REQUIRED ACTION
Figure out how many lines in these records contain "prefix". Only the number belongs in the reply.

-.-.-

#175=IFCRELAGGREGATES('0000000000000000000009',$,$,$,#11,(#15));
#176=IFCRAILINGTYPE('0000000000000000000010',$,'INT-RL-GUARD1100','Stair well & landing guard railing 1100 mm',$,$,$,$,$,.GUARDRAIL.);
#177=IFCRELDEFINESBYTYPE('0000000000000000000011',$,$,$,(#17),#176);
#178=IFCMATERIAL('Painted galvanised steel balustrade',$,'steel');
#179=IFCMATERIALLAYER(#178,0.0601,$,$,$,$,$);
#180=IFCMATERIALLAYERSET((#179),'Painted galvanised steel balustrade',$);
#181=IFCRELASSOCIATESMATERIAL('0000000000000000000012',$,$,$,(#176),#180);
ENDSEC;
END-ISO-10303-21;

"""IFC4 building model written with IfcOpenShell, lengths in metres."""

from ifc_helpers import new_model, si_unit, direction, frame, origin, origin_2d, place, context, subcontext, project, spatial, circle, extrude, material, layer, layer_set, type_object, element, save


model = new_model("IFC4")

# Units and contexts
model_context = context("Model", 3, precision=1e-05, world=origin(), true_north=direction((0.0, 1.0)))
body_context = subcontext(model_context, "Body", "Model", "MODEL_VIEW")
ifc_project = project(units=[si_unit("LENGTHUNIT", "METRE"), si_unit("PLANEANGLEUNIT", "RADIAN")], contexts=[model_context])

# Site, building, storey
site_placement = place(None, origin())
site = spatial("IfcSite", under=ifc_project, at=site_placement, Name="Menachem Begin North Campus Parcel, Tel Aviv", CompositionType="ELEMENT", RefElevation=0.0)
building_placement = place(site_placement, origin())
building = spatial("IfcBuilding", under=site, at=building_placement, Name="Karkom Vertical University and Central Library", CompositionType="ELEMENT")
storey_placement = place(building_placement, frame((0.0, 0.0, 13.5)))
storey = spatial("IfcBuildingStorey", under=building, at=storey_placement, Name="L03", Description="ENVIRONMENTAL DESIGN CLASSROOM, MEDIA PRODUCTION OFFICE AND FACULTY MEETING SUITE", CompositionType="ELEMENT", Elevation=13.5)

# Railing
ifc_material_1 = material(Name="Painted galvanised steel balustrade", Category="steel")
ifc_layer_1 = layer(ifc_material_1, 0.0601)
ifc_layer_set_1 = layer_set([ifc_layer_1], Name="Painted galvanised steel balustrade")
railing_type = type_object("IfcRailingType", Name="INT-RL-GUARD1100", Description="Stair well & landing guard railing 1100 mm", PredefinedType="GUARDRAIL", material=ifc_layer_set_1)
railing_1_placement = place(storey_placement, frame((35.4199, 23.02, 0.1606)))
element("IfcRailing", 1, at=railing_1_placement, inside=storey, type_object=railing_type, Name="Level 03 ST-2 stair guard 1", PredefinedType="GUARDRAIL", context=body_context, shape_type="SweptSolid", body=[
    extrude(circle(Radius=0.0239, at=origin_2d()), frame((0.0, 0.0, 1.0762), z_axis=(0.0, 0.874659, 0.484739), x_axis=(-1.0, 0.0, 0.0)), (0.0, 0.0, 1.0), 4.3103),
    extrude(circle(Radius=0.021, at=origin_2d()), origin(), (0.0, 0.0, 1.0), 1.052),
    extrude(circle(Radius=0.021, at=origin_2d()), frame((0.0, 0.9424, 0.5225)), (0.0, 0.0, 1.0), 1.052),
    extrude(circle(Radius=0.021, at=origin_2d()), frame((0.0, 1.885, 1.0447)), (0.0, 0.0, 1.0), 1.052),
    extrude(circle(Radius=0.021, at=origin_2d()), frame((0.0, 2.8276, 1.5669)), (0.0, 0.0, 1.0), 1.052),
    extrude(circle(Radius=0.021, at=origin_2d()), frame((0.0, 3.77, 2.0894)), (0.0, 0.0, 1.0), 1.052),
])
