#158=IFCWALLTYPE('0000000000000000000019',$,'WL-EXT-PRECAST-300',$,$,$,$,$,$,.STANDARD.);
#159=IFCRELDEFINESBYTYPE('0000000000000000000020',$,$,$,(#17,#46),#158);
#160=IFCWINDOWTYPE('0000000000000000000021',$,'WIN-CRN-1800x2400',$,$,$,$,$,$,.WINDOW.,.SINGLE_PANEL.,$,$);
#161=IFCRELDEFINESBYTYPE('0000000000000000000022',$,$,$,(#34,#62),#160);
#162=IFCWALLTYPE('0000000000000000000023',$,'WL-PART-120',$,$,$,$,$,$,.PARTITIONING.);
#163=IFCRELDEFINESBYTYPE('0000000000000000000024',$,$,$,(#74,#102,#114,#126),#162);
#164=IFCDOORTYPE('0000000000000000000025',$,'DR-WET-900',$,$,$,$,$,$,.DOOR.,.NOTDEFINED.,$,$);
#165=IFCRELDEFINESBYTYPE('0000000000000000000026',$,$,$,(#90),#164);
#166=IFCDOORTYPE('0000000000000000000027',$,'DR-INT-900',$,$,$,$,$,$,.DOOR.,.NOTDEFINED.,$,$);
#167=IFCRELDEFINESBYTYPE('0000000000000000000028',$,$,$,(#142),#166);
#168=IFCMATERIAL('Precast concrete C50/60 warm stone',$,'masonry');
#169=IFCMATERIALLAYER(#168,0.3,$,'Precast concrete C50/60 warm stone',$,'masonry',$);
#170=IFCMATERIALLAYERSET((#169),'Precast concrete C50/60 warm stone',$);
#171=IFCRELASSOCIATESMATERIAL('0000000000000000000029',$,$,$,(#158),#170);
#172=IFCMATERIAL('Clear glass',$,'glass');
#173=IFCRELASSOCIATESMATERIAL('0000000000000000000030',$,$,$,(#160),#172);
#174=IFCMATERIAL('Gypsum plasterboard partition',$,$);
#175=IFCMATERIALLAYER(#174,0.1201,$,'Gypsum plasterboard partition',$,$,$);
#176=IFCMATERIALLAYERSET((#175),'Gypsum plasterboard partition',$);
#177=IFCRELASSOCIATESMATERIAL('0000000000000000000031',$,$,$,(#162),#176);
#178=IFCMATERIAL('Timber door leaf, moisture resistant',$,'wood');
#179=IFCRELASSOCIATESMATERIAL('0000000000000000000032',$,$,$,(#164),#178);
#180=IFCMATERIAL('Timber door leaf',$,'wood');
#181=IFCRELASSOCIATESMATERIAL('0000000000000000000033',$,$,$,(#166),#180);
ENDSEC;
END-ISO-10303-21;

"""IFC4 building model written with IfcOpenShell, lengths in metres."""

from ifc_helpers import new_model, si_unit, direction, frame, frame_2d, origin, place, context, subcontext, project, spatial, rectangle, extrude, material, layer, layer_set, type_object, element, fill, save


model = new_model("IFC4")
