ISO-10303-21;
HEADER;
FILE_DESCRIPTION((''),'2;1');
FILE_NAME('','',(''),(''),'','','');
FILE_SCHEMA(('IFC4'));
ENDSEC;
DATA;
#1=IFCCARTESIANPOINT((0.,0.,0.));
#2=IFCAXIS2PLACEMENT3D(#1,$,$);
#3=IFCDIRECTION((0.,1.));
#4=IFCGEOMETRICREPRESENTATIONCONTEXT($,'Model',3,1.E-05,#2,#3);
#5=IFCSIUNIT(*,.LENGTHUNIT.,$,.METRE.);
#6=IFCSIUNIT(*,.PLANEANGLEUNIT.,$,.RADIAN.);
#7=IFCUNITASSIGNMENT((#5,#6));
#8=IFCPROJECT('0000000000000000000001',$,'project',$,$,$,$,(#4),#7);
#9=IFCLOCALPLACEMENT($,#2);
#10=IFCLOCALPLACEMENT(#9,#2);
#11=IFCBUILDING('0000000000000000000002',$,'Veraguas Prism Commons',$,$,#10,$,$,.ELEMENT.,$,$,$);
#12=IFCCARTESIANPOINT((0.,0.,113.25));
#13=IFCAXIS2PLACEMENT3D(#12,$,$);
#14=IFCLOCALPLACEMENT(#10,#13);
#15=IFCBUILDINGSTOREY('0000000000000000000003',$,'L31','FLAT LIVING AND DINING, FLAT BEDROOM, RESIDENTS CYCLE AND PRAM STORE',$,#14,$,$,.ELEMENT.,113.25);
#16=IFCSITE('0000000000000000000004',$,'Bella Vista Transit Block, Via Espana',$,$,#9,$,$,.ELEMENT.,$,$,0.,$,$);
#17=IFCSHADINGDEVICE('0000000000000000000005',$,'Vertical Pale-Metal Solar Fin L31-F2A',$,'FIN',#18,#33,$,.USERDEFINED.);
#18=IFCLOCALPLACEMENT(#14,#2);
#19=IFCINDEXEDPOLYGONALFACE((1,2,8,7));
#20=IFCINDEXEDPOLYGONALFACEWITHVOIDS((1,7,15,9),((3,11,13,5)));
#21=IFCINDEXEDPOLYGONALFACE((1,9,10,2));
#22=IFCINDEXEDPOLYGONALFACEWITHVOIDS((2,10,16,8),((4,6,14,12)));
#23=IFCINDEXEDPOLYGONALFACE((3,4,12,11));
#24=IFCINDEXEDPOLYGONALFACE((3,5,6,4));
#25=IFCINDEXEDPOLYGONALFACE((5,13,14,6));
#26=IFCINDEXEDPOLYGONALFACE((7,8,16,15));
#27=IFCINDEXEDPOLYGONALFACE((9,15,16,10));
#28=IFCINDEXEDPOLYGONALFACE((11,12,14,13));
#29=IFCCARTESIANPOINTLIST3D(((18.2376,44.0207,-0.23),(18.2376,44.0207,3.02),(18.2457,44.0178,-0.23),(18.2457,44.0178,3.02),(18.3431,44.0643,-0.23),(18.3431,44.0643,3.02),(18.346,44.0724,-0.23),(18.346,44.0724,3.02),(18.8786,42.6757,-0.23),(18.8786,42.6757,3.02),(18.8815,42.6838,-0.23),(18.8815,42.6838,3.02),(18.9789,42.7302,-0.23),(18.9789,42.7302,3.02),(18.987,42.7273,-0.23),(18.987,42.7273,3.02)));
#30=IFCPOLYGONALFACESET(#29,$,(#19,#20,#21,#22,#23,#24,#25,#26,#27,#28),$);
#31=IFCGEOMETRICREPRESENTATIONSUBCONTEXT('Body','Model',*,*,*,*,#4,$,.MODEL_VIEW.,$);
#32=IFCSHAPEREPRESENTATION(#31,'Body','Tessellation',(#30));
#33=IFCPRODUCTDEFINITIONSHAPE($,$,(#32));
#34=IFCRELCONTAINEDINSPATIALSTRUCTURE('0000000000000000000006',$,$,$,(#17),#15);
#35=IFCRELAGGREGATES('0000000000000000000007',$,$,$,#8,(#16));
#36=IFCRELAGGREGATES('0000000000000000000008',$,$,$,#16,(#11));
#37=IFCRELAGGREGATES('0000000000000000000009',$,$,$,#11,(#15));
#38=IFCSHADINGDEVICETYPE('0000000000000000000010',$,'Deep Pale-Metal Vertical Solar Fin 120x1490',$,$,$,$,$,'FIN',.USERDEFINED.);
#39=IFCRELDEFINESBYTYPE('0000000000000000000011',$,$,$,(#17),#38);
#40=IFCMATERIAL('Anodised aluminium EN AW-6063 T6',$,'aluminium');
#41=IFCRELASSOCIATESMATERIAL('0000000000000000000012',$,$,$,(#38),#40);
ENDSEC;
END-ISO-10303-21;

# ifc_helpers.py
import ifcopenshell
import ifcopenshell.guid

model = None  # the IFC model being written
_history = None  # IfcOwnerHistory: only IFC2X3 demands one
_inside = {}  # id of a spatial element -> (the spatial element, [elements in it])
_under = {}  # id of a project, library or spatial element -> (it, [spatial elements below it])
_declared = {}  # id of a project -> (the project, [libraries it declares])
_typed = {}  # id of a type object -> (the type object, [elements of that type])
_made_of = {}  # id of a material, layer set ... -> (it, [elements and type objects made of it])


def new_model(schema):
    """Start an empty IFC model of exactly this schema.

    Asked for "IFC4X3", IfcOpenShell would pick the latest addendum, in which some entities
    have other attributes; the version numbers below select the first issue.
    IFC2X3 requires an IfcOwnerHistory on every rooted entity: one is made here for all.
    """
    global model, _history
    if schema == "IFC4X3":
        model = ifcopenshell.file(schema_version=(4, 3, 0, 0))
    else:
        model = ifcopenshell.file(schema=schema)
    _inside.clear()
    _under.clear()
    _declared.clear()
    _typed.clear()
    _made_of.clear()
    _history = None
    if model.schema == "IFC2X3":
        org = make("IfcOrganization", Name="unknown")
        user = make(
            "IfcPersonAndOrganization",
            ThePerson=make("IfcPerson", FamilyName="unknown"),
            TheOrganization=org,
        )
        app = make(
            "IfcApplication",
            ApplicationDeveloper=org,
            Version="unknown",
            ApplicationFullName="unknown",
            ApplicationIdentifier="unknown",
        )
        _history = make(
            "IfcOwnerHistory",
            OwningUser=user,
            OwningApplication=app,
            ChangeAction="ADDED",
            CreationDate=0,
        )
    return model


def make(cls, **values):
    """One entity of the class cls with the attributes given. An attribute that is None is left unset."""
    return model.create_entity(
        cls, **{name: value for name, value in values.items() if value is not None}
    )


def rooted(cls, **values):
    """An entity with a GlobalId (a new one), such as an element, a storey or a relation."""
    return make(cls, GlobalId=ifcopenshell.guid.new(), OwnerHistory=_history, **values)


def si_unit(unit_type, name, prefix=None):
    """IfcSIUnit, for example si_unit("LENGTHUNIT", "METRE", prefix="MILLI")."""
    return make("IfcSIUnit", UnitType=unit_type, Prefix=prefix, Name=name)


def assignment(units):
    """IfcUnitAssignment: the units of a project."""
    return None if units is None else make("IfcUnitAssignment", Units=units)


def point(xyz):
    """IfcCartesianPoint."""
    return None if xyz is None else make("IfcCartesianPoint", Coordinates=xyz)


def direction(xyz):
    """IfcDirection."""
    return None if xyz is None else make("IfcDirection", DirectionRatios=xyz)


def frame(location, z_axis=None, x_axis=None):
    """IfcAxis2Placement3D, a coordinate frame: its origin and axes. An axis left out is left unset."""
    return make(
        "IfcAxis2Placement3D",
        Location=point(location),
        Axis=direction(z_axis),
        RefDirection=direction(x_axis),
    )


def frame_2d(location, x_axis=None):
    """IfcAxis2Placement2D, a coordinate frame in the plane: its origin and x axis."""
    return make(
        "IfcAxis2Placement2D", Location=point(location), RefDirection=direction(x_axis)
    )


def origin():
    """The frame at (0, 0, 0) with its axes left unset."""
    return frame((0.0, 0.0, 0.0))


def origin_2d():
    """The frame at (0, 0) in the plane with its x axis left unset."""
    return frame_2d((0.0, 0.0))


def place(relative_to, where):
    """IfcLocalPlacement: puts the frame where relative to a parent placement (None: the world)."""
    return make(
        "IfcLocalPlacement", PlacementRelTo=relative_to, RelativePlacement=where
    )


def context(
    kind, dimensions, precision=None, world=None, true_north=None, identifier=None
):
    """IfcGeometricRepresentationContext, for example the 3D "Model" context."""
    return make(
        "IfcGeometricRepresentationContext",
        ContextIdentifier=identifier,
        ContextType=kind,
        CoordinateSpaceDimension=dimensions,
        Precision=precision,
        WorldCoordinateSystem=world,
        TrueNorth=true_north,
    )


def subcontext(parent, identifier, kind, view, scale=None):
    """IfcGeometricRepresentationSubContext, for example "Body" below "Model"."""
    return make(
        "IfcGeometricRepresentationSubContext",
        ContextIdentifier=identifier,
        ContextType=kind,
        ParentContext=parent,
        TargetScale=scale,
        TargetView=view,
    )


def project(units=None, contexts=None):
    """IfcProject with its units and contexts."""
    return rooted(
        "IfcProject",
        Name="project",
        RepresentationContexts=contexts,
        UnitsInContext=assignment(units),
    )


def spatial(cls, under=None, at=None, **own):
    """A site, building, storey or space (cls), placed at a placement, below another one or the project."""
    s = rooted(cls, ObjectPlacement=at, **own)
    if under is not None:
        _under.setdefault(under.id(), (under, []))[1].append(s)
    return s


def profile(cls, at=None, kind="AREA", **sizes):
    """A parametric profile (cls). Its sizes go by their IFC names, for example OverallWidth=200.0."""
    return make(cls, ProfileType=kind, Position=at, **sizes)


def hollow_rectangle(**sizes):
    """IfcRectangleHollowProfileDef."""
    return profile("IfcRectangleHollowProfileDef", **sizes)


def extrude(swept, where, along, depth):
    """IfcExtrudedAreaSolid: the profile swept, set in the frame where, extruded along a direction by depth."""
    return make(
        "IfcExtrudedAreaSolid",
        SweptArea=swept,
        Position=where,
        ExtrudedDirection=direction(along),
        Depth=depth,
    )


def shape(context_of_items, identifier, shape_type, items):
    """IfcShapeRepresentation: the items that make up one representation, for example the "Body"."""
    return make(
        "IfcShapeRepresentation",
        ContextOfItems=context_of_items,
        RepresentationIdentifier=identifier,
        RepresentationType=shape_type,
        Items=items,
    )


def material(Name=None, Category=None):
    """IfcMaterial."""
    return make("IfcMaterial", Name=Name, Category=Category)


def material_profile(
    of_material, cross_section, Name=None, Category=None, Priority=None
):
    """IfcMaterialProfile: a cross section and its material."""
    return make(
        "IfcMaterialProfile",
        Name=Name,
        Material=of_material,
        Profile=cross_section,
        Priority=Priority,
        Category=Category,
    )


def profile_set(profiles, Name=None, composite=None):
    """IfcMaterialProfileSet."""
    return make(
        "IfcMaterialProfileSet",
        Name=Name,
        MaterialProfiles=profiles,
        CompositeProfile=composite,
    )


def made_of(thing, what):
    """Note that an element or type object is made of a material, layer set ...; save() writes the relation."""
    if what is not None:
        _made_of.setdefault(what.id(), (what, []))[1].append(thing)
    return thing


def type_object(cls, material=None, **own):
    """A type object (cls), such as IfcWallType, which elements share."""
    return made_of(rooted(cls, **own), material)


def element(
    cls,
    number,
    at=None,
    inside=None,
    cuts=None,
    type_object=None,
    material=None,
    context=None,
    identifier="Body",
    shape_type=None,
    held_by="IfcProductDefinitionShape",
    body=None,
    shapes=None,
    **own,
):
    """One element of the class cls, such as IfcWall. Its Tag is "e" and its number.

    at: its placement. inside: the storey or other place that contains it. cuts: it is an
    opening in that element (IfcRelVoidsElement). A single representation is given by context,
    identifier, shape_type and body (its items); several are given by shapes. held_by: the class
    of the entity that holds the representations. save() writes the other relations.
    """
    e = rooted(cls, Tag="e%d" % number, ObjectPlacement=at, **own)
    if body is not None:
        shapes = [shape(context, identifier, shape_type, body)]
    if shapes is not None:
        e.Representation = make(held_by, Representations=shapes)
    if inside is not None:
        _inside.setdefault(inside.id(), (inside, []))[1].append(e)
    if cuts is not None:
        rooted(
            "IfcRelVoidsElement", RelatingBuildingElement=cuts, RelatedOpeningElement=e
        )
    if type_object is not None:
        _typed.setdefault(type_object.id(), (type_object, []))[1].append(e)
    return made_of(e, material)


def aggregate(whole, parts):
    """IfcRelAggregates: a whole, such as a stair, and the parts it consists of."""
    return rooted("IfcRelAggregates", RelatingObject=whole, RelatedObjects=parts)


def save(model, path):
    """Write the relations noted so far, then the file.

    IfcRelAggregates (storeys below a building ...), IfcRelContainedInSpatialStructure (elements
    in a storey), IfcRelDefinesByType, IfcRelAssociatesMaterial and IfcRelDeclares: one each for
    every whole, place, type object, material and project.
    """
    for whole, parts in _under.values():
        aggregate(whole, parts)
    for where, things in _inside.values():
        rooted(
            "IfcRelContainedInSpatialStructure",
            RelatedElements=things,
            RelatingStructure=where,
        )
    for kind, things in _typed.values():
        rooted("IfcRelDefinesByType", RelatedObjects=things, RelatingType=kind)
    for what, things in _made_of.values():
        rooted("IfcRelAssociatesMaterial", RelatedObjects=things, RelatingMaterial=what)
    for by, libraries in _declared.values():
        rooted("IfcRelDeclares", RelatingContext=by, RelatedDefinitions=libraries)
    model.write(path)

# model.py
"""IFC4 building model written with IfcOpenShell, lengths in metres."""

from ifc_helpers import new_model, si_unit, direction, frame, origin, origin_2d, place, context, subcontext, project, spatial, hollow_rectangle, extrude, material, material_profile, profile_set, type_object, element, save


model = new_model("IFC4")

# Units and contexts
model_context = context("Model", 3, precision=1e-05, world=origin(), true_north=direction((0.0, 1.0)))
body_context = subcontext(model_context, "Body", "Model", "MODEL_VIEW")
ifc_project = project(units=[si_unit("LENGTHUNIT", "METRE"), si_unit("PLANEANGLEUNIT", "RADIAN")], contexts=[model_context])

# Site, building, storey
site_placement = place(None, origin())
site = spatial("IfcSite", under=ifc_project, at=site_placement, Name="Bella Vista Transit Block, Via Espana", CompositionType="ELEMENT", RefElevation=0.0)
building_placement = place(site_placement, origin())
building = spatial("IfcBuilding", under=site, at=building_placement, Name="Veraguas Prism Commons", CompositionType="ELEMENT")
storey_placement = place(building_placement, frame((0.0, 0.0, 113.25)))
storey = spatial("IfcBuildingStorey", under=building, at=storey_placement, Name="L31", Description="FLAT LIVING AND DINING, FLAT BEDROOM, RESIDENTS CYCLE AND PRAM STORE", CompositionType="ELEMENT", Elevation=113.25)

# Shared definitions
ifc_material_1 = material(Name="Anodised aluminium EN AW-6063 T6", Category="aluminium")

# Shading device
ifc_material_profile_1 = material_profile(ifc_material_1, hollow_rectangle(XDim=0.1201, YDim=1.49, WallThickness=0.0061, at=origin_2d()), Name="FIN120X1490X6")
ifc_profile_set_1 = profile_set([ifc_material_profile_1], Name="Anodised aluminium EN AW-6063 T6")
shading_device_type = type_object("IfcShadingDeviceType", Name="Deep Pale-Metal Vertical Solar Fin 120x1490", ElementType="FIN", PredefinedType="USERDEFINED", material=ifc_profile_set_1)
shading_device_placement = place(storey_placement, frame((18.6123, 43.374, -0.23), z_axis=(0.0, 0.0, 1.0), x_axis=(-0.902735, -0.430198, 0.0)))
element("IfcShadingDevice", 1, at=shading_device_placement, inside=storey, type_object=shading_device_type, Name="Vertical Pale-Metal Solar Fin L31-F2A", ObjectType="FIN", PredefinedType="USERDEFINED", context=body_context, shape_type="SweptSolid", body=[
    extrude(hollow_rectangle(XDim=0.1201, YDim=1.49, WallThickness=0.0061, at=origin_2d()), origin(), (0.0, 0.0, 1.0), 3.25),
])

save(model, "model.ifc")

-.-.-

SOLUTION TO THIS TASK
3